====== SOURCE MATERIAL ======
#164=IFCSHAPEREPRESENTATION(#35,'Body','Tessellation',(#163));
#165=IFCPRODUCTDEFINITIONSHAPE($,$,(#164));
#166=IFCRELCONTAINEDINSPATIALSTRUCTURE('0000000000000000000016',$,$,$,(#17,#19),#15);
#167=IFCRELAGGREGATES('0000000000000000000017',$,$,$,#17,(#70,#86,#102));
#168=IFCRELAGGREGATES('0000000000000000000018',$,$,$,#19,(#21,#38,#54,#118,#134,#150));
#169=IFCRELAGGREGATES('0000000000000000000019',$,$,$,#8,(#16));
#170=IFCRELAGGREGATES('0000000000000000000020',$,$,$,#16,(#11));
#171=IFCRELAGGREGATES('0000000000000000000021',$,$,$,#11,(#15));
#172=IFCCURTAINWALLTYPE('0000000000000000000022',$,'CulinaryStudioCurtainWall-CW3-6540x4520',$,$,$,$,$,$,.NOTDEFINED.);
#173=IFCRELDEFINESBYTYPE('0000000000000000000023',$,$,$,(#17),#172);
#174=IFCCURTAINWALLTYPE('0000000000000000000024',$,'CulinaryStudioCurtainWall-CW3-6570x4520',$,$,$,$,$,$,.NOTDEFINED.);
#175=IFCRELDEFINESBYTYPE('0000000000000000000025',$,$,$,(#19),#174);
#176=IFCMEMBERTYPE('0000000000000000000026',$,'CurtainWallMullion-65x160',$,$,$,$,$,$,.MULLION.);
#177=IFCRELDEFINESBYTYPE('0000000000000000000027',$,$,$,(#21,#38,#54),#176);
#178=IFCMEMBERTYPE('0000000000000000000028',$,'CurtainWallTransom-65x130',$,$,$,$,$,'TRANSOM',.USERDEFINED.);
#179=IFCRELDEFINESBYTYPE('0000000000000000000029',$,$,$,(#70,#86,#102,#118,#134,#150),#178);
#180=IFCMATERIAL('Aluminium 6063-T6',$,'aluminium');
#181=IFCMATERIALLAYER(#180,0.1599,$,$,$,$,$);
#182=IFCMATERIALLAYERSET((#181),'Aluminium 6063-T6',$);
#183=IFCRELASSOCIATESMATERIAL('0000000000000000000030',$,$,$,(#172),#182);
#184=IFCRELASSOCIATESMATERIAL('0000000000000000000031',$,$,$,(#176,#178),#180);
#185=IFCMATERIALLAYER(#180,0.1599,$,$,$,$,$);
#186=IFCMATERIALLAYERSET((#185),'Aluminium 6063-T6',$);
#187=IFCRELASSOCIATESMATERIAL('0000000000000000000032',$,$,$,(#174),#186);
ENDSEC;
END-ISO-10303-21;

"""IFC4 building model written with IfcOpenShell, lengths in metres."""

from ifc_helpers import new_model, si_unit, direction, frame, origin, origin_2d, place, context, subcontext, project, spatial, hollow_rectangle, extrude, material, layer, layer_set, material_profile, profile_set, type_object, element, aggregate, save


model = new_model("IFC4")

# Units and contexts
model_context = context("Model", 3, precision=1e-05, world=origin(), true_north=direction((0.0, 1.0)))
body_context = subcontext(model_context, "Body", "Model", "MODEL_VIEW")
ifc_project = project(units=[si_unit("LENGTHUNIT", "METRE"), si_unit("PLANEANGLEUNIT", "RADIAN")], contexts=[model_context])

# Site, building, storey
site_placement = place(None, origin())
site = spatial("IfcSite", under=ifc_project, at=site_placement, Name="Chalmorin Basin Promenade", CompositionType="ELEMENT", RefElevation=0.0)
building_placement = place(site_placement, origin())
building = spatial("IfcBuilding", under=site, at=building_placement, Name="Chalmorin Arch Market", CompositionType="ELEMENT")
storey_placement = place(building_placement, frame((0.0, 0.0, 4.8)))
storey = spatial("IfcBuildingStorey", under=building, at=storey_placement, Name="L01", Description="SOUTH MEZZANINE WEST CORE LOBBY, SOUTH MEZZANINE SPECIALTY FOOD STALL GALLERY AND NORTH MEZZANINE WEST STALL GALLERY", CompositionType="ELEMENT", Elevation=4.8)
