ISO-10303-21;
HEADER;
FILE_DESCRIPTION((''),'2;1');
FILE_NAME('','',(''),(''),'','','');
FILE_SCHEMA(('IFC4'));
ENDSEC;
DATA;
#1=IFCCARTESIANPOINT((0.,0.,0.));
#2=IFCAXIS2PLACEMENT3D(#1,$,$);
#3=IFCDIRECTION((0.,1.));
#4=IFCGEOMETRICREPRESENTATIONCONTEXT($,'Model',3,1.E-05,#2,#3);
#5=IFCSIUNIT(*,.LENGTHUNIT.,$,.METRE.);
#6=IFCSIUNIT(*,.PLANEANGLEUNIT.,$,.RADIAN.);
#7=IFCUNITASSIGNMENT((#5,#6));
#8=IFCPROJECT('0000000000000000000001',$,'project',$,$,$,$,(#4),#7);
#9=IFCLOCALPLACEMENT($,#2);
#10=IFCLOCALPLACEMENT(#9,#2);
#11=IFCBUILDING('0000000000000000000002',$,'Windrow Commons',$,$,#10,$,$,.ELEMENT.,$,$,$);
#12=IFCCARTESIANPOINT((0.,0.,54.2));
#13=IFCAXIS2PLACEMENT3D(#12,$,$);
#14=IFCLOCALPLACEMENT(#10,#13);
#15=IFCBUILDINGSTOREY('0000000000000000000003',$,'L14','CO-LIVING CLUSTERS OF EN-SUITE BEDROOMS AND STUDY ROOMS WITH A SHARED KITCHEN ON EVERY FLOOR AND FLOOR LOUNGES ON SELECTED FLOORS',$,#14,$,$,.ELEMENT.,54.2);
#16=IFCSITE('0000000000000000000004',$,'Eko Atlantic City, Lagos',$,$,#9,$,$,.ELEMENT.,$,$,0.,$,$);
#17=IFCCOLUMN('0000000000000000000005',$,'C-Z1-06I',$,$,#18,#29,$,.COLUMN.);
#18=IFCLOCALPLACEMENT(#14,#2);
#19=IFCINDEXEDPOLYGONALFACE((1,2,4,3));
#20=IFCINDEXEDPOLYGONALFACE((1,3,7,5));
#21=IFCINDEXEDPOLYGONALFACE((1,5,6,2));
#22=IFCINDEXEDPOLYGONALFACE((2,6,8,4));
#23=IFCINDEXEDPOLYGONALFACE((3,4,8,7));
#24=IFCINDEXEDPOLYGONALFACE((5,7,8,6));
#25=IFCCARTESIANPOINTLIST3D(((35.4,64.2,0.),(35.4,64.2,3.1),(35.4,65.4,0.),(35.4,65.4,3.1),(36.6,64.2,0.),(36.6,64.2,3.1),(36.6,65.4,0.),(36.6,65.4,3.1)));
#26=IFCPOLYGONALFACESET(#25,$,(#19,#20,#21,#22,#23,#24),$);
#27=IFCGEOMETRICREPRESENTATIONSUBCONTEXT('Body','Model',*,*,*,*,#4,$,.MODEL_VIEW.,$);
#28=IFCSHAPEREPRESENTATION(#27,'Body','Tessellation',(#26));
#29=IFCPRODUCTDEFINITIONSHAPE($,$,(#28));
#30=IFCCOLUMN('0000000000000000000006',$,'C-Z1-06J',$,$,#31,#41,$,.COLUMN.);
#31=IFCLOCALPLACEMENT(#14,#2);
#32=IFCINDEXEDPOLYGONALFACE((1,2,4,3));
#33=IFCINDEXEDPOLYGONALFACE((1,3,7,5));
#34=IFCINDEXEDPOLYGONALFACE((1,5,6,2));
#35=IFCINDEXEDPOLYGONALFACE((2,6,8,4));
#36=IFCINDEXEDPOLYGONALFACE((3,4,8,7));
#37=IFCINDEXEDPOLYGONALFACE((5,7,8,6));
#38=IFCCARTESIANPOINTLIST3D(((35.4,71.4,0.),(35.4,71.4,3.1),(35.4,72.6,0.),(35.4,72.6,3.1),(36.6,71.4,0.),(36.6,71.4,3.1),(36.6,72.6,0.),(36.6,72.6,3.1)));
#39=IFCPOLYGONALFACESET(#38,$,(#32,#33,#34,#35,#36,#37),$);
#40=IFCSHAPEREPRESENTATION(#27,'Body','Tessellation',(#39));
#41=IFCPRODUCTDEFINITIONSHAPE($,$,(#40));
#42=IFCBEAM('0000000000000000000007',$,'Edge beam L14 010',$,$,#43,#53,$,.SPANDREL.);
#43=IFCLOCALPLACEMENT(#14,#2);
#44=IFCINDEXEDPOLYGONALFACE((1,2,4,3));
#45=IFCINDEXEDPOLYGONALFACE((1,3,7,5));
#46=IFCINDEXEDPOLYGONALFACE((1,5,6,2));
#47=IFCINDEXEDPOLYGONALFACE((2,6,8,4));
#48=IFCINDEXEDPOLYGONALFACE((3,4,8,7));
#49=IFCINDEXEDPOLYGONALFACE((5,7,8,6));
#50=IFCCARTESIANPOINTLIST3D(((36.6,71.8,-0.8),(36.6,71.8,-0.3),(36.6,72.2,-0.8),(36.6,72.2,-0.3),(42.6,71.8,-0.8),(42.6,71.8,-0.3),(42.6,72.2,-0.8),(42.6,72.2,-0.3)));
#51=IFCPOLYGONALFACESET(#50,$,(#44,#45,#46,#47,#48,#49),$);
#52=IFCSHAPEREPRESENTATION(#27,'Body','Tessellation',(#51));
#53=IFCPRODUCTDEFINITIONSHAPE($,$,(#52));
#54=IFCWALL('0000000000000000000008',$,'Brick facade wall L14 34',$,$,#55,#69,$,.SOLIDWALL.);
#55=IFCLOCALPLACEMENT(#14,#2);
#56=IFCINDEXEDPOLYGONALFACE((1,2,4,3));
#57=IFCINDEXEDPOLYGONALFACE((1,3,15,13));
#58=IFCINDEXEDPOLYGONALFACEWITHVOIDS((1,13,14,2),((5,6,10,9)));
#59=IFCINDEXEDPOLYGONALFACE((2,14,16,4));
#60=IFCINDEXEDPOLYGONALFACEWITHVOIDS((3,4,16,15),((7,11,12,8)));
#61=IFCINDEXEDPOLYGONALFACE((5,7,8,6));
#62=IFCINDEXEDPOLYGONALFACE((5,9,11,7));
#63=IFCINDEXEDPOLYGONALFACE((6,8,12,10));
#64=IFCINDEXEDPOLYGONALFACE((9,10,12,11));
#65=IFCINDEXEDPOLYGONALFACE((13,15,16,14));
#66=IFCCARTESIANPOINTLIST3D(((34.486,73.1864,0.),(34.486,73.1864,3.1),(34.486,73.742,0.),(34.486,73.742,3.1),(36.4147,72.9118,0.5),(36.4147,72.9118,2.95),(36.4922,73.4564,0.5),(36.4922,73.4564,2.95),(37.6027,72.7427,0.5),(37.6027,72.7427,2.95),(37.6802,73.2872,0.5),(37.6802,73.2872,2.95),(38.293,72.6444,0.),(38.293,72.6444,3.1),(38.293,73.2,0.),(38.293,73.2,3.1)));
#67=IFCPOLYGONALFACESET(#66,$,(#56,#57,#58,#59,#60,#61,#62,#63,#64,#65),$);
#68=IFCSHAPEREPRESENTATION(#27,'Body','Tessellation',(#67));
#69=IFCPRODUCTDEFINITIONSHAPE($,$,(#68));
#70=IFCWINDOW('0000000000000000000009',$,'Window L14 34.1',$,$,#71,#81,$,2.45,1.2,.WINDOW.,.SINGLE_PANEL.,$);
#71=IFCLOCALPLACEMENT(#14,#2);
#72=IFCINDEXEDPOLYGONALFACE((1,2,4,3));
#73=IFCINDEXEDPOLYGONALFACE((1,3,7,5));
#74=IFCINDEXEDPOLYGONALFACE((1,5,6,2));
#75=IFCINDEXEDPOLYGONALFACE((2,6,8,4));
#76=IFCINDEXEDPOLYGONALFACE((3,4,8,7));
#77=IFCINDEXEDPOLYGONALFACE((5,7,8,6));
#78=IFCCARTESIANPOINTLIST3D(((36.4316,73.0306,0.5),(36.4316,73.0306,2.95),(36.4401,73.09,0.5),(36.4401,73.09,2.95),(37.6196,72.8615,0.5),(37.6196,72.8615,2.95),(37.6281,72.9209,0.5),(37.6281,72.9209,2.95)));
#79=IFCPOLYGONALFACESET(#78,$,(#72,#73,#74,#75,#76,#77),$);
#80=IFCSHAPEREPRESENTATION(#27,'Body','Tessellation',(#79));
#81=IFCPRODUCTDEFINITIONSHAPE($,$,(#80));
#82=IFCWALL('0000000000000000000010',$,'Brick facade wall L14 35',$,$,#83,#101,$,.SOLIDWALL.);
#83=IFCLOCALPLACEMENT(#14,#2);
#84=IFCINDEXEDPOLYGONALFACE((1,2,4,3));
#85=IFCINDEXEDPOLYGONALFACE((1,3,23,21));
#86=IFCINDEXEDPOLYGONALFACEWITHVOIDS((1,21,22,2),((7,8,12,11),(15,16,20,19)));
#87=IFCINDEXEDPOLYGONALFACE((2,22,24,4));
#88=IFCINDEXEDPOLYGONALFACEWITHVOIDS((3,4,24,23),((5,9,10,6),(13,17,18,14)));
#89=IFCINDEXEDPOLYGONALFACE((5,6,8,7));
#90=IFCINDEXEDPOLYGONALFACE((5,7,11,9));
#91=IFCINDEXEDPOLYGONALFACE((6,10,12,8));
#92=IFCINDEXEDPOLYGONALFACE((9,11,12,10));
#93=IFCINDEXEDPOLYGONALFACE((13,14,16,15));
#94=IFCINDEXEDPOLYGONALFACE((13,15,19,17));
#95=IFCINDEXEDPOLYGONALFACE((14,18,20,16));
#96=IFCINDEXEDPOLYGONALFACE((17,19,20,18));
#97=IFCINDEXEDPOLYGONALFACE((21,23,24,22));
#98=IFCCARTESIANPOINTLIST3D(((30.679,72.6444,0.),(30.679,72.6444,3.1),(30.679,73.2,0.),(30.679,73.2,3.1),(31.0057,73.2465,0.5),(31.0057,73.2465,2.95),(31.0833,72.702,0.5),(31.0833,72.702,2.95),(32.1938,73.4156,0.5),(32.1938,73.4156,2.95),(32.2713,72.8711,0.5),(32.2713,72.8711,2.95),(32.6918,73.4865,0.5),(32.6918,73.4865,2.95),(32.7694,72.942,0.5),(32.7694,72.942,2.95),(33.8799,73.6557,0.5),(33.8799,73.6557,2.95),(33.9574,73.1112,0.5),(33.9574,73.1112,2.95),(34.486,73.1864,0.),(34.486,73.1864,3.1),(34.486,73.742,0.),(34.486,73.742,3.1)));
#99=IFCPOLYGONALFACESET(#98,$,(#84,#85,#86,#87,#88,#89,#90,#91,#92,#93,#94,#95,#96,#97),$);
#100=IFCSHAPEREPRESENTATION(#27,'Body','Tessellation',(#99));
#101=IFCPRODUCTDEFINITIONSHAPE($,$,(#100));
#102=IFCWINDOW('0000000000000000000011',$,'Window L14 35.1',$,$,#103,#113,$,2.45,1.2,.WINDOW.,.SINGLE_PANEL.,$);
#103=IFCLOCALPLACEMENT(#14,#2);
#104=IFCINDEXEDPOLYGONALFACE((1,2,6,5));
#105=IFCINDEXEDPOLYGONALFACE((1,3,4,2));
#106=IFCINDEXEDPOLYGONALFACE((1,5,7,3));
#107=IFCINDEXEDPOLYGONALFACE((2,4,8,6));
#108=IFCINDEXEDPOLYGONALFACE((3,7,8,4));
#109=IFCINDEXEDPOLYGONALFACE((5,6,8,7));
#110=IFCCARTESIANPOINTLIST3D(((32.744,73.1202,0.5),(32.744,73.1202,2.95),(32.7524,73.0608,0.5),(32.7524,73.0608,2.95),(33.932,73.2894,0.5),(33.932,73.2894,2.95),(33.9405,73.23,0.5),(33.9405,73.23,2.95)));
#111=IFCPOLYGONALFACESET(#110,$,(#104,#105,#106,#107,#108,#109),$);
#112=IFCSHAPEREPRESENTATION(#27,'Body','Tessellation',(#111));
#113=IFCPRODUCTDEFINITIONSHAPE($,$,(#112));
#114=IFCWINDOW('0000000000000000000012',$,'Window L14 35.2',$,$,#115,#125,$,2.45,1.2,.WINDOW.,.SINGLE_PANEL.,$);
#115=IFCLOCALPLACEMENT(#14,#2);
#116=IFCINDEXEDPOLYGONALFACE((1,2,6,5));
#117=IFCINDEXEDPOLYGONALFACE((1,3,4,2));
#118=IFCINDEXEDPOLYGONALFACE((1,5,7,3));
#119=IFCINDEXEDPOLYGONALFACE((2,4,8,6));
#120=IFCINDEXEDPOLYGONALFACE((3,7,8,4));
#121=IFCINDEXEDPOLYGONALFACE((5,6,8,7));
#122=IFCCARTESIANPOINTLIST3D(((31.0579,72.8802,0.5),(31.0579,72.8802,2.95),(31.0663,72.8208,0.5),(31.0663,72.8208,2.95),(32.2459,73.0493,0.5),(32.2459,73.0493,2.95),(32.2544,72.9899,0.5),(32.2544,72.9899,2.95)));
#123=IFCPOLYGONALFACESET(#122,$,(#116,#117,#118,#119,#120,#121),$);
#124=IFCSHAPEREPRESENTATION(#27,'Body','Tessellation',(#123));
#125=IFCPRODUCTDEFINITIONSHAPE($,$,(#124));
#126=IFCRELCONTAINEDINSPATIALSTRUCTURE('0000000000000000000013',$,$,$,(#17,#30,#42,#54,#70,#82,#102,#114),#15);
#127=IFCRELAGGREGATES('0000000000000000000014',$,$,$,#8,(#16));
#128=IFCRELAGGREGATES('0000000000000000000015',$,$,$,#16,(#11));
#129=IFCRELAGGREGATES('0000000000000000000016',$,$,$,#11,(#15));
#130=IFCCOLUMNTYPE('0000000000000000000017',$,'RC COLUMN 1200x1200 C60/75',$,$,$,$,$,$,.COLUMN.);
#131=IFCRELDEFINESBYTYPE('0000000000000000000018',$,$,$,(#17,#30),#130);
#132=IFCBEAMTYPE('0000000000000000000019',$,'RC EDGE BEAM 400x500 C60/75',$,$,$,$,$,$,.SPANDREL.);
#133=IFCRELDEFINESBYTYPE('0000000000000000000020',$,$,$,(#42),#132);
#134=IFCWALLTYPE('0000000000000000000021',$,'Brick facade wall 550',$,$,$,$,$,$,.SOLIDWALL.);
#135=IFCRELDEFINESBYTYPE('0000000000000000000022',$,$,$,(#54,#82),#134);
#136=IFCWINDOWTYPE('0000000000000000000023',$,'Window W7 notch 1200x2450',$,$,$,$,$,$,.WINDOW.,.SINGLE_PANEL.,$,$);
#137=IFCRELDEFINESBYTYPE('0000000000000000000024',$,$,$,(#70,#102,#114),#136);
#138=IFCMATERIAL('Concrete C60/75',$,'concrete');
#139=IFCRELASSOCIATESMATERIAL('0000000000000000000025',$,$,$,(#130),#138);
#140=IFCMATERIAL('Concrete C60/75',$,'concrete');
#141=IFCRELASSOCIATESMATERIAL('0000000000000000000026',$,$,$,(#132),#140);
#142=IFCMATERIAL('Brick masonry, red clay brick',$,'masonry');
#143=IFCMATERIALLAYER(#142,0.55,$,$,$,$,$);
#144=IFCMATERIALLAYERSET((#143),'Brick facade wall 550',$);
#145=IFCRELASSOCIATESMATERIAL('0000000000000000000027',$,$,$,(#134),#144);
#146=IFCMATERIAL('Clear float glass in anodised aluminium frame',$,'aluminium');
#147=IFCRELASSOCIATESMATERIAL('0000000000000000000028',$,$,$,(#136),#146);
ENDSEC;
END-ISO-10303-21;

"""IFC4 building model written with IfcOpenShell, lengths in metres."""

from ifc_helpers import new_model, si_unit, direction, frame, frame_2d, origin, origin_2d, place, context, subcontext, project, spatial, polyline, rectangle, outline, extrude, material, layer, layer_set, material_profile, profile_set, type_object, element, fill, save


model = new_model("IFC4")

# Units and contexts
model_context = context("Model", 3, precision=1e-05, world=origin(), true_north=direction((0.0, 1.0)))
body_context = subcontext(model_context, "Body", "Model", "MODEL_VIEW")
ifc_project = project(units=[si_unit("LENGTHUNIT", "METRE"), si_unit("PLANEANGLEUNIT", "RADIAN")], contexts=[model_context])

# Site, building, storey
site_placement = place(None, origin())
site = spatial("IfcSite", under=ifc_project, at=site_placement, Name="Eko Atlantic City, Lagos", CompositionType="ELEMENT", RefElevation=0.0)
building_placement = place(site_placement, origin())
building = spatial("IfcBuilding", under=site, at=building_placement, Name="Windrow Commons", CompositionType="ELEMENT")
storey_placement = place(building_placement, frame((0.0, 0.0, 54.2)))
storey = spatial("IfcBuildingStorey", under=building, at=storey_placement, Name="L14", Description="CO-LIVING CLUSTERS OF EN-SUITE BEDROOMS AND STUDY ROOMS WITH A SHARED KITCHEN ON EVERY FLOOR AND FLOOR LOUNGES ON SELECTED FLOORS", CompositionType="ELEMENT", Elevation=54.2)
======
REQUIRED ACTION: From the records, copy every line that has the string "IFCLOCALPLACEMENT" in it.

COMPLETED TASK:
#9=IFCLOCALPLACEMENT($,#2);
#10=IFCLOCALPLACEMENT(#9,#2);
#14=IFCLOCALPLACEMENT(#10,#13);
#18=IFCLOCALPLACEMENT(#14,#2);
#31=IFCLOCALPLACEMENT(#14,#2);
#43=IFCLOCALPLACEMENT(#14,#2);
#55=IFCLOCALPLACEMENT(#14,#2);
#71=IFCLOCALPLACEMENT(#14,#2);
#83=IFCLOCALPLACEMENT(#14,#2);
#103=IFCLOCALPLACEMENT(#14,#2);
#115=IFCLOCALPLACEMENT(#14,#2);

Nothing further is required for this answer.